→ **What is expected**
Give back the line that contains "building_placement = place(site_placement, origin())" and every following line, exactly as they appear, through the end of the data.

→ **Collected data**

******************************

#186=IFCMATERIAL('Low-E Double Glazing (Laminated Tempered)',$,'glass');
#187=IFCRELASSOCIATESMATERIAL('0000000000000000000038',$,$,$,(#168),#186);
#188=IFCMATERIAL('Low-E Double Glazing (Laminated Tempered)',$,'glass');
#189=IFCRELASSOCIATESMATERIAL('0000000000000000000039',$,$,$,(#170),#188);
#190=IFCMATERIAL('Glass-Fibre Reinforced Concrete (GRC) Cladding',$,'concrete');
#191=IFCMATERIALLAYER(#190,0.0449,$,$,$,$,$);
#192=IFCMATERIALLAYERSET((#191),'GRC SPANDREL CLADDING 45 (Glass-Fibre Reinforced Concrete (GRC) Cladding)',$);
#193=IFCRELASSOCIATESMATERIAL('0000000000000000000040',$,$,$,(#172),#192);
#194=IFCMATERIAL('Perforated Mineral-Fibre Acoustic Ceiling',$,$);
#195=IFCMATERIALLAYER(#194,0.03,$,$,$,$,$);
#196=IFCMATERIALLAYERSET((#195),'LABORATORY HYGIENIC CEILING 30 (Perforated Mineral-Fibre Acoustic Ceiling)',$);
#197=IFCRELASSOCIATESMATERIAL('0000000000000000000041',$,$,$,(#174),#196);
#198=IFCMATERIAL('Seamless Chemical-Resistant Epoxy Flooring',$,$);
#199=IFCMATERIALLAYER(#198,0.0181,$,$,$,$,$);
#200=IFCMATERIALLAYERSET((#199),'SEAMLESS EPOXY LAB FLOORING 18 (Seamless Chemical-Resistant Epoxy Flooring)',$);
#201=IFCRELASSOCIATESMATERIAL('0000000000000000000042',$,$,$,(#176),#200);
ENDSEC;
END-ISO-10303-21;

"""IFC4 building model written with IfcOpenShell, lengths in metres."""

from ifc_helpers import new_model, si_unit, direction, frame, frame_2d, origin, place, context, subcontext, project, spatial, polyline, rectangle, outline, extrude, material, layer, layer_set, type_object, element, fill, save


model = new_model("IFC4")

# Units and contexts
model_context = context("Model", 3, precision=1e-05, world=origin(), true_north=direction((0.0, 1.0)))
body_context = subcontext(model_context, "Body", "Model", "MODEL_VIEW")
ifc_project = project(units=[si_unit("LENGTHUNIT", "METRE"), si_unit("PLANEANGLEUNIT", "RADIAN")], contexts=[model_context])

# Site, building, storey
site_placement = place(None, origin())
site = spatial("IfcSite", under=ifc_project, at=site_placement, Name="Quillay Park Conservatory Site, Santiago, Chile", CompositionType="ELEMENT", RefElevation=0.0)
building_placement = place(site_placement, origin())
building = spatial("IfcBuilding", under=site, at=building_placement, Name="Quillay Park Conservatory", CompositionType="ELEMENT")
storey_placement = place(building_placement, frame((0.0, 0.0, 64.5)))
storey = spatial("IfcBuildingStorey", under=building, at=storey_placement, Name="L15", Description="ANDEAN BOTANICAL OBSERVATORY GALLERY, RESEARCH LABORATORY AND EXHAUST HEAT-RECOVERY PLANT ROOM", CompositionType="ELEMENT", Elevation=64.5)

******************************

→ **Response below**
building_placement = place(site_placement, origin())
building = spatial("IfcBuilding", under=site, at=building_placement, Name="Quillay Park Conservatory", CompositionType="ELEMENT")
storey_placement = place(building_placement, frame((0.0, 0.0, 64.5)))
storey = spatial("IfcBuildingStorey", under=building, at=storey_placement, Name="L15", Description="ANDEAN BOTANICAL OBSERVATORY GALLERY, RESEARCH LABORATORY AND EXHAUST HEAT-RECOVERY PLANT ROOM", CompositionType="ELEMENT", Elevation=64.5)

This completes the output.